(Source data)
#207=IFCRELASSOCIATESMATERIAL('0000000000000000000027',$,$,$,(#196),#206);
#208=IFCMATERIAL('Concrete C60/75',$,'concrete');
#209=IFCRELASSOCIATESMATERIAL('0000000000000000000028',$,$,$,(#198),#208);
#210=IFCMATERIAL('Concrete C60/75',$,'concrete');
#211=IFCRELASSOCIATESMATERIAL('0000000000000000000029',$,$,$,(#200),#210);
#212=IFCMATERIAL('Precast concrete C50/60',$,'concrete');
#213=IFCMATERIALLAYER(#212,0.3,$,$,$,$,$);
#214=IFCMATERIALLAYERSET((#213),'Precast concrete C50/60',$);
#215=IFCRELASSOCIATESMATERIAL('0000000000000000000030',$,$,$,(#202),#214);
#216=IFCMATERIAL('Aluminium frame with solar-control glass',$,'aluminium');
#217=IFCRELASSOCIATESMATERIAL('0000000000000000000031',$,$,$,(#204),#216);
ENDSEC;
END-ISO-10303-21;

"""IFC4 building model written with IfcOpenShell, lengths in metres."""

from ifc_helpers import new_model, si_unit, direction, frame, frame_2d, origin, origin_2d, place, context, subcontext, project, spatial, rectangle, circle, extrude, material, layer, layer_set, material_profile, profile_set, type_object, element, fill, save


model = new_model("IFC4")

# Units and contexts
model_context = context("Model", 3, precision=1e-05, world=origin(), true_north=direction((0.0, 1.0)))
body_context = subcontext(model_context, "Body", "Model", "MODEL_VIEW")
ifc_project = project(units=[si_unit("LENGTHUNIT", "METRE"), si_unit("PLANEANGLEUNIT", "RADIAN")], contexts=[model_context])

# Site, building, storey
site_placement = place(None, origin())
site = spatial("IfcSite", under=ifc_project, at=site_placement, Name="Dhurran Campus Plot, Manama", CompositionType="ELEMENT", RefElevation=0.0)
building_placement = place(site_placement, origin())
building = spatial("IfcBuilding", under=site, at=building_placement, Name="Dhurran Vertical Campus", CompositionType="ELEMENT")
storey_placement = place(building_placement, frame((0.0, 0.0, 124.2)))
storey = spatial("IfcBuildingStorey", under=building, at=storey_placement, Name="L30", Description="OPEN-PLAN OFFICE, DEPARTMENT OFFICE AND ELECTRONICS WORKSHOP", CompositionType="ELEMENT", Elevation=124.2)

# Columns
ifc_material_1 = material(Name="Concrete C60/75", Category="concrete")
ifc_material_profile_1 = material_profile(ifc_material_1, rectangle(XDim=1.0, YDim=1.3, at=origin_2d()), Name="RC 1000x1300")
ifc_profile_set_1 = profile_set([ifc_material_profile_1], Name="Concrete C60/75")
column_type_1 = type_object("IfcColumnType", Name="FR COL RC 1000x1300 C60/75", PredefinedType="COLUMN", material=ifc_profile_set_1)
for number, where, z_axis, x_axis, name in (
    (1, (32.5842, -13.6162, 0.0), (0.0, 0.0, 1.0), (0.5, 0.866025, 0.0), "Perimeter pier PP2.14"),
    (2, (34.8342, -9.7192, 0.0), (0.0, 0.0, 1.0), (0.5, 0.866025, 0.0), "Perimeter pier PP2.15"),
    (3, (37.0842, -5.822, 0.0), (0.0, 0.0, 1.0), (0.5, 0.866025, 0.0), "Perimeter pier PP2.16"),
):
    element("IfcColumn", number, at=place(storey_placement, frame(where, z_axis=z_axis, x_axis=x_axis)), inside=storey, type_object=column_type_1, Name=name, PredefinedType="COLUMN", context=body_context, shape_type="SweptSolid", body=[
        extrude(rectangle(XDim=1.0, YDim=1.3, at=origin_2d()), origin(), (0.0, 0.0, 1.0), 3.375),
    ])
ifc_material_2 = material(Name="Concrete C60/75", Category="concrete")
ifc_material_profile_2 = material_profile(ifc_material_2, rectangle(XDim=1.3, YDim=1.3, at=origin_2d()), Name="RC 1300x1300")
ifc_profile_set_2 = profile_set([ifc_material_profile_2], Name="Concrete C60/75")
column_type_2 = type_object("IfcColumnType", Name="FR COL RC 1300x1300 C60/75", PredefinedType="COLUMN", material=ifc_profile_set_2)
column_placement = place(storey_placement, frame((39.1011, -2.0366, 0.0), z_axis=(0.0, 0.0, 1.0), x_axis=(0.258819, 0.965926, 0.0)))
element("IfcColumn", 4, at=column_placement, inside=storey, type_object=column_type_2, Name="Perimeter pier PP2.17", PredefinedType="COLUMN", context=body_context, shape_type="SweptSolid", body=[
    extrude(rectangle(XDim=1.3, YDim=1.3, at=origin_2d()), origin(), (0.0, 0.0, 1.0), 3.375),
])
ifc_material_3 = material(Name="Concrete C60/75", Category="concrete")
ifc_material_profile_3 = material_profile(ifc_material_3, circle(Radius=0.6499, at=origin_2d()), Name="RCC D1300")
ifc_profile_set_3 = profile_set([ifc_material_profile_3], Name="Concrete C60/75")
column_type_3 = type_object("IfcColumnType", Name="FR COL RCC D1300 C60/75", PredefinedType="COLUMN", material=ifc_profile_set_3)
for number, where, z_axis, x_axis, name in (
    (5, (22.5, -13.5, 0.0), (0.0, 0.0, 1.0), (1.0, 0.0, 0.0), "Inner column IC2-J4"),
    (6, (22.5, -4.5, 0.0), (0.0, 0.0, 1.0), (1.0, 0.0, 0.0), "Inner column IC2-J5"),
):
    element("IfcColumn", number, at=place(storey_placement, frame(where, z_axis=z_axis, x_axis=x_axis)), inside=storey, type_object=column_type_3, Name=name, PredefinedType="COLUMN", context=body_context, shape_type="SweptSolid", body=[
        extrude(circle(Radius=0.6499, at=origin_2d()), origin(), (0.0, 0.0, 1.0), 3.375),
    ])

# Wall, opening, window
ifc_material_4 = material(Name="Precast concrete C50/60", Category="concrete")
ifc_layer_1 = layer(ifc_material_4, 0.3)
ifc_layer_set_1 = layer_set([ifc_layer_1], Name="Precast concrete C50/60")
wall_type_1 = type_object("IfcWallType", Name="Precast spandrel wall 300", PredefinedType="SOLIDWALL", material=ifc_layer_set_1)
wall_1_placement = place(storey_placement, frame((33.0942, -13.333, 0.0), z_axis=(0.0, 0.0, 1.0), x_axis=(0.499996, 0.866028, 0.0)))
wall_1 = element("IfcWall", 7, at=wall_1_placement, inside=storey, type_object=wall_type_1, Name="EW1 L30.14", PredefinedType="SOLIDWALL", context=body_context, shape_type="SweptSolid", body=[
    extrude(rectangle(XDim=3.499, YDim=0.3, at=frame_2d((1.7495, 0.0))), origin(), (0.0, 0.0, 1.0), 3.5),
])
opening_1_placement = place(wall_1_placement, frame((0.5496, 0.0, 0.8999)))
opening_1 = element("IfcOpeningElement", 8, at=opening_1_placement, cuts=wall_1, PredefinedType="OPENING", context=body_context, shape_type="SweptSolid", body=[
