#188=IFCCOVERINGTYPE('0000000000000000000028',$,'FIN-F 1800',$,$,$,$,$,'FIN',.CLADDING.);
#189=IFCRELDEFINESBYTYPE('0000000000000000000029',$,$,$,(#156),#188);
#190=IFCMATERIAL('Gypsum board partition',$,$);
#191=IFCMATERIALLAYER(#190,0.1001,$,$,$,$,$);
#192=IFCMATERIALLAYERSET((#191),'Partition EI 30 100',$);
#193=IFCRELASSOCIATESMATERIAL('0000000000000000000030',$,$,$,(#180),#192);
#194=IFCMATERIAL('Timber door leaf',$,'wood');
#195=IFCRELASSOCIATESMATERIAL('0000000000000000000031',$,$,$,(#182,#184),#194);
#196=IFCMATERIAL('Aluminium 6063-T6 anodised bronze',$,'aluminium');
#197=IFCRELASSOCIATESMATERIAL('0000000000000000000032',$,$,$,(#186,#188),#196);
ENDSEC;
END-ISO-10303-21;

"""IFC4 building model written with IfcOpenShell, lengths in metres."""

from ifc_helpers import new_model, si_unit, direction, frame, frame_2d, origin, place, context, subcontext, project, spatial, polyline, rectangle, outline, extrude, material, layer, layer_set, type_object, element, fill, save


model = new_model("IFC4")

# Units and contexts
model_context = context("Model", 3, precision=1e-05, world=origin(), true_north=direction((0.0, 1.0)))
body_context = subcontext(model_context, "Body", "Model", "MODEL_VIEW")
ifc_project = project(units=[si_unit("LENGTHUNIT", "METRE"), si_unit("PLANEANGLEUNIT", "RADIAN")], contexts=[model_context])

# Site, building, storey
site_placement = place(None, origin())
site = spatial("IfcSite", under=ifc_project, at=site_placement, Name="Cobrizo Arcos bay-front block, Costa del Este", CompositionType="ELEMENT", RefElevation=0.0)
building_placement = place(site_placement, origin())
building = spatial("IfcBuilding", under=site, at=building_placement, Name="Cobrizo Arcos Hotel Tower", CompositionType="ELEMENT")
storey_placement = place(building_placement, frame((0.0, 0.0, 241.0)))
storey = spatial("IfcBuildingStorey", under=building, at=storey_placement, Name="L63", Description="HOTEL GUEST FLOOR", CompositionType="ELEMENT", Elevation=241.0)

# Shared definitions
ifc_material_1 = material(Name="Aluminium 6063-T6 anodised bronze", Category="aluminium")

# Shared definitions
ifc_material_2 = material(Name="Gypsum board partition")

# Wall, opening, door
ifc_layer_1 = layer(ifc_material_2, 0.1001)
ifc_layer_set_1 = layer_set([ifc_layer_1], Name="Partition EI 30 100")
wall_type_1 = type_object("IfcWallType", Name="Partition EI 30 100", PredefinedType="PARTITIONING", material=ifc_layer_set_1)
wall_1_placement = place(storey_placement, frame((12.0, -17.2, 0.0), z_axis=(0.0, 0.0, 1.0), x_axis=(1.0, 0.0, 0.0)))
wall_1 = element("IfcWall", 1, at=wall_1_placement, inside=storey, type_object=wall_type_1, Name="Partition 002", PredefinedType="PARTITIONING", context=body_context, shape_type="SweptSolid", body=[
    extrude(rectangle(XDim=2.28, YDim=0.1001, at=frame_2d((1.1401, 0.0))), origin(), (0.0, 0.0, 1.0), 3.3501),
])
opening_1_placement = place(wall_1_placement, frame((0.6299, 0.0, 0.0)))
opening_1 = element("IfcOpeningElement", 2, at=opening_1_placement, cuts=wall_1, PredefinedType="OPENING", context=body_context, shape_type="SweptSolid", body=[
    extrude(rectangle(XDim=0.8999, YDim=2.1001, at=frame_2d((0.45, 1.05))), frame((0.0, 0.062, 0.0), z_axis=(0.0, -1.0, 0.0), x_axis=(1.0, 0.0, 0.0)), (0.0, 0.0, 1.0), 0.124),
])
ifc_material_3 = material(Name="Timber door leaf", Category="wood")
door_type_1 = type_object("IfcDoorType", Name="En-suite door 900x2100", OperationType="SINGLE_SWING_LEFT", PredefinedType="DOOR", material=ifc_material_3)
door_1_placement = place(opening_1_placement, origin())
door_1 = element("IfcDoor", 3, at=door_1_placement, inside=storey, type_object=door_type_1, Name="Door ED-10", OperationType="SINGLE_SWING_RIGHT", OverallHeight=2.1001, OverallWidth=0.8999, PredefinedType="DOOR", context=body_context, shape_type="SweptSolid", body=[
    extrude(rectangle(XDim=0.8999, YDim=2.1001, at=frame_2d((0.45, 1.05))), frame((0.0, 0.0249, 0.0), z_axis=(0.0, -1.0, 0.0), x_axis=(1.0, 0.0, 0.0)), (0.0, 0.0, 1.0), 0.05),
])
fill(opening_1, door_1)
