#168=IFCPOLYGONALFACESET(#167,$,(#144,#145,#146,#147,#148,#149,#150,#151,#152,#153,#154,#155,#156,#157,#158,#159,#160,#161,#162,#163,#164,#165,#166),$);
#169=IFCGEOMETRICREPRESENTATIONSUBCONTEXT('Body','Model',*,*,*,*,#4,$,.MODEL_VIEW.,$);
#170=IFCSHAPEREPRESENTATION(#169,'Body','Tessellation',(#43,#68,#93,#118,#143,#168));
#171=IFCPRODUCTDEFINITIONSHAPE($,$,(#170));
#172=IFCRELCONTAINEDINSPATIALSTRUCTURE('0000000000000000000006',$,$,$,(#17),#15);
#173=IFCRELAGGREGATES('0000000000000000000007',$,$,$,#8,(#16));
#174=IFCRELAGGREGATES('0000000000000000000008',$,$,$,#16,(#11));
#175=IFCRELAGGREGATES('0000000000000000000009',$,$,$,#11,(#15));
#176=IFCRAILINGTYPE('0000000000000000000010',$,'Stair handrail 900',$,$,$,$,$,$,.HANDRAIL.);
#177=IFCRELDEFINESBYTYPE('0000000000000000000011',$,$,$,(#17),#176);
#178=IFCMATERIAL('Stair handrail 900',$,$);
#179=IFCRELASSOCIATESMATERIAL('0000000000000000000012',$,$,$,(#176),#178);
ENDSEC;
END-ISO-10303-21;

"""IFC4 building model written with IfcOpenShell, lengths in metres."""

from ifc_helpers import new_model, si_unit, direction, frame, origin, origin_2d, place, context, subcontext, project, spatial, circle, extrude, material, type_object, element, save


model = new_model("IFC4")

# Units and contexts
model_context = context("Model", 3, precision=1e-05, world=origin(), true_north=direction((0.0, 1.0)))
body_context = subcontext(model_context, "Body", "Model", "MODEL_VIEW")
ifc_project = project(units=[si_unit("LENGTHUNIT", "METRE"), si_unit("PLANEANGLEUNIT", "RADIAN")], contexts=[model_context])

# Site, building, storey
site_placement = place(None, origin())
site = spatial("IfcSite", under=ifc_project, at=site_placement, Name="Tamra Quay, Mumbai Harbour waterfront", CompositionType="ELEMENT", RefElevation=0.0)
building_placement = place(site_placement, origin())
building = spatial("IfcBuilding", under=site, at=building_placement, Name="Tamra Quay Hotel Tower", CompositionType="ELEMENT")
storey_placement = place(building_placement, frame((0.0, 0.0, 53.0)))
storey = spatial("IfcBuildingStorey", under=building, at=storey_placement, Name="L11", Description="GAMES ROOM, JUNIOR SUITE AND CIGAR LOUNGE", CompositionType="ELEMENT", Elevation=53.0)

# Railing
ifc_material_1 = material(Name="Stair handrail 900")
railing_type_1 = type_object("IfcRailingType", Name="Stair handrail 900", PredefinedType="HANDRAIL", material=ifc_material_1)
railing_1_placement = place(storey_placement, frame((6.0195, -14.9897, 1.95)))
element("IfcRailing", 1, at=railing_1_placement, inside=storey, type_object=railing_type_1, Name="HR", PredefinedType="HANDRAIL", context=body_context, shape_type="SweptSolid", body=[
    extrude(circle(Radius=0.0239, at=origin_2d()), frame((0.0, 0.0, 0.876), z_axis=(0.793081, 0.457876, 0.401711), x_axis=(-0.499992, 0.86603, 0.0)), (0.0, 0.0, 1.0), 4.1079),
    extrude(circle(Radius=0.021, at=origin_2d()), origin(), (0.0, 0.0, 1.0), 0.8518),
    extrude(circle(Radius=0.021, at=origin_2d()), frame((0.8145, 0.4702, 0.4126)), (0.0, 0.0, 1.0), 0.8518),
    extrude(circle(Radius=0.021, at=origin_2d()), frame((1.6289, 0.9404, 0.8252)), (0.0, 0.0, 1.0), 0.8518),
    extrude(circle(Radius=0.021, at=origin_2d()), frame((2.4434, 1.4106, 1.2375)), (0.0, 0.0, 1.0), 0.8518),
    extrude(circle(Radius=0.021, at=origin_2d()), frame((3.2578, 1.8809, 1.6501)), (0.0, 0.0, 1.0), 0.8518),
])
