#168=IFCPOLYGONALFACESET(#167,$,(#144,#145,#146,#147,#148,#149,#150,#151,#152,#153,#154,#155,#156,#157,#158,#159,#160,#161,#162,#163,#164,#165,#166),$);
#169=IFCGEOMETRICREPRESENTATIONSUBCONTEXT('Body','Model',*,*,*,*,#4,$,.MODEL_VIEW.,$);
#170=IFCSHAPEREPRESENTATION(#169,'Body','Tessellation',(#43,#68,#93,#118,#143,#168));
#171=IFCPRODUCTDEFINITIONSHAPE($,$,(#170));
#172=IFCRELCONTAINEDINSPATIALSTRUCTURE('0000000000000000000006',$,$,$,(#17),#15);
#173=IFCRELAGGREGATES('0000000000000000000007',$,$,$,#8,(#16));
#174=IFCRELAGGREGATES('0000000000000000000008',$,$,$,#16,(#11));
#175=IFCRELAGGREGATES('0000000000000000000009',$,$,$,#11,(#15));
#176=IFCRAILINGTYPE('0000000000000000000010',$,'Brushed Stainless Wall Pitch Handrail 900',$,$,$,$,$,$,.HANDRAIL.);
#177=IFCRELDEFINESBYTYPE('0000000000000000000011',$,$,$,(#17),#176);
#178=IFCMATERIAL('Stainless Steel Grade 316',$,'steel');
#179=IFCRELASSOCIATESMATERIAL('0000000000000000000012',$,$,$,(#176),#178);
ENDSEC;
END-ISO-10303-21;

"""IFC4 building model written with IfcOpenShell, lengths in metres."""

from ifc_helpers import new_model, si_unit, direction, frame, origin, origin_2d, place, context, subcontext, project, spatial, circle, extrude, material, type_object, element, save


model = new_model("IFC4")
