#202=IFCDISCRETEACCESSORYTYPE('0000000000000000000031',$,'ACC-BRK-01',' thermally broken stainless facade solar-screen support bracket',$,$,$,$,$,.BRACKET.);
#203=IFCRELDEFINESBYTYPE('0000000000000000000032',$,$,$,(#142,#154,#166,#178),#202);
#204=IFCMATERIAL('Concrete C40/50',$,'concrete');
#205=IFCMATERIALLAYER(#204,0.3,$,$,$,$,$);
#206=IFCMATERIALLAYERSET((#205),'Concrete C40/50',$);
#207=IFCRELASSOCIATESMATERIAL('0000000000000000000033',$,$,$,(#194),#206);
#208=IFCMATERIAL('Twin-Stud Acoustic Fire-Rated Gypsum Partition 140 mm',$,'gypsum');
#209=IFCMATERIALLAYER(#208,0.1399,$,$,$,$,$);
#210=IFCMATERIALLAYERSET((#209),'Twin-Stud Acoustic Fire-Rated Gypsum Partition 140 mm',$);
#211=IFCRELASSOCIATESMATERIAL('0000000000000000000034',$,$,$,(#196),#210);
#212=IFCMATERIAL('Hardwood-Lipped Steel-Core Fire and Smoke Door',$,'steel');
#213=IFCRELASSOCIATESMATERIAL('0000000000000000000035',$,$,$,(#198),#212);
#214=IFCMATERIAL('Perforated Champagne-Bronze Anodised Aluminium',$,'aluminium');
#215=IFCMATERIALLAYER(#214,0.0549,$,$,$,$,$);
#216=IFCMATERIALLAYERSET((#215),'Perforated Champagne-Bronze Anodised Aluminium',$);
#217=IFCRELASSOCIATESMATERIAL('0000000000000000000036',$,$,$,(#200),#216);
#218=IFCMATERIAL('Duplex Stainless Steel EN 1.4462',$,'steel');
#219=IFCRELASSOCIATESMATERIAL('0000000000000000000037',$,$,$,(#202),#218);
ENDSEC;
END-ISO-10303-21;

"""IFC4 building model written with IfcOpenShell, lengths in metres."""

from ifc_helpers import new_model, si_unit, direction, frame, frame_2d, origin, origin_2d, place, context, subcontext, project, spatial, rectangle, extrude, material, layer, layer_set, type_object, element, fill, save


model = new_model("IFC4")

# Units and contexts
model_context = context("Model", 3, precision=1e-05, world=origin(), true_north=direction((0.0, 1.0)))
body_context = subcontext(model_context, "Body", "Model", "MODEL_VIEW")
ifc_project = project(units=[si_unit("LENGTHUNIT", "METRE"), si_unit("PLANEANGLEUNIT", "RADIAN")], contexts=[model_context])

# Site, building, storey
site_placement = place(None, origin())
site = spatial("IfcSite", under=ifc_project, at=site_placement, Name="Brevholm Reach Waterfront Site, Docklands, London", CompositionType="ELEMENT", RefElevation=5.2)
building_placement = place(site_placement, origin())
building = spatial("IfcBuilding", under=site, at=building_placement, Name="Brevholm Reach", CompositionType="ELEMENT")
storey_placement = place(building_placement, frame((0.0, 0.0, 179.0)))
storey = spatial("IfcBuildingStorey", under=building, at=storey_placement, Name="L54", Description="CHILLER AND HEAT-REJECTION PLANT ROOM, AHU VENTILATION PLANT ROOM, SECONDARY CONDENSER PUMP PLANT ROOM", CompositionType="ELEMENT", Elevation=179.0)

→ **Work to complete**:
Scan the entries above and return each line that holds "Reach".

→ **The completed task**:
site = spatial("IfcSite", under=ifc_project, at=site_placement, Name="Brevholm Reach Waterfront Site, Docklands, London", CompositionType="ELEMENT", RefElevation=5.2)
building = spatial("IfcBuilding", under=site, at=building_placement, Name="Brevholm Reach", CompositionType="ELEMENT")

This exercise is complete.